━━ Data for analysis ━━
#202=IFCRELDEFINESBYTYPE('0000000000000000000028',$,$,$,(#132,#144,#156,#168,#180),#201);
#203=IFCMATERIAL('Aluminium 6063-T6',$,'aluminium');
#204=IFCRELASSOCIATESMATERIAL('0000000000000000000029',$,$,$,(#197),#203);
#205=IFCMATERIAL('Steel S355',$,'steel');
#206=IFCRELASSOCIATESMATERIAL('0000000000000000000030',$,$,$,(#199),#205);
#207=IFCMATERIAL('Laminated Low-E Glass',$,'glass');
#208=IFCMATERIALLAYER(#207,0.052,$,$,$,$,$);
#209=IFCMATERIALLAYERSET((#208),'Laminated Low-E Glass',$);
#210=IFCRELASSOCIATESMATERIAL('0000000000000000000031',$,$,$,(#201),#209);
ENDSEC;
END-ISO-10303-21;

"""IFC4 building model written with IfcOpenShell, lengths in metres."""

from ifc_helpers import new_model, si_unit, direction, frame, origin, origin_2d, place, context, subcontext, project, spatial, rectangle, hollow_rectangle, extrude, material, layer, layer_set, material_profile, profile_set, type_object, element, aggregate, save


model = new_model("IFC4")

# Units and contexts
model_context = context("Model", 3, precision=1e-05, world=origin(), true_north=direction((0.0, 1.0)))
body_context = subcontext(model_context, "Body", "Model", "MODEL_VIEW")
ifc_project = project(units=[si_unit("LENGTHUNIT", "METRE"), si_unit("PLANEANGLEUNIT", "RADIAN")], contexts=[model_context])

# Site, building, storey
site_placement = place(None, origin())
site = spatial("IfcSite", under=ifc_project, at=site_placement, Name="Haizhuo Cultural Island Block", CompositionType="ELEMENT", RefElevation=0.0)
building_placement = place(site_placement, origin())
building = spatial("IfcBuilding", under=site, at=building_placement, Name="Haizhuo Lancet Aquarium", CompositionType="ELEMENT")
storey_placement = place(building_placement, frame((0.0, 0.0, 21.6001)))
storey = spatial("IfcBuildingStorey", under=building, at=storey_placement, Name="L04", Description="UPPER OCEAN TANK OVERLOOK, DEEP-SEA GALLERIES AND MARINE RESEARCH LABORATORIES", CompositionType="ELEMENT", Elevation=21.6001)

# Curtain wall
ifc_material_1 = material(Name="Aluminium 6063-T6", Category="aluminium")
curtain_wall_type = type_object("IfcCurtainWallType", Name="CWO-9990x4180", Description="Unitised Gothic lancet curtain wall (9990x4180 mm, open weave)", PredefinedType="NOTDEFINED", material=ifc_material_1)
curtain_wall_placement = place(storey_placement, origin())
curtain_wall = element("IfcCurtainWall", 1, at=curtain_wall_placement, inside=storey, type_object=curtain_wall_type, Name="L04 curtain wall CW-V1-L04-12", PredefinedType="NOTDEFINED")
━━━
**Your instructions:** Restate verbatim all lines from the start of the data through the line containing "#208=IFCMATERIALLAYER(#207,0.052,$,$,$,$,$);", with both ends kept.

**Exercise solution:**
#202=IFCRELDEFINESBYTYPE('0000000000000000000028',$,$,$,(#132,#144,#156,#168,#180),#201);
#203=IFCMATERIAL('Aluminium 6063-T6',$,'aluminium');
#204=IFCRELASSOCIATESMATERIAL('0000000000000000000029',$,$,$,(#197),#203);
#205=IFCMATERIAL('Steel S355',$,'steel');
#206=IFCRELASSOCIATESMATERIAL('0000000000000000000030',$,$,$,(#199),#205);
#207=IFCMATERIAL('Laminated Low-E Glass',$,'glass');
#208=IFCMATERIALLAYER(#207,0.052,$,$,$,$,$);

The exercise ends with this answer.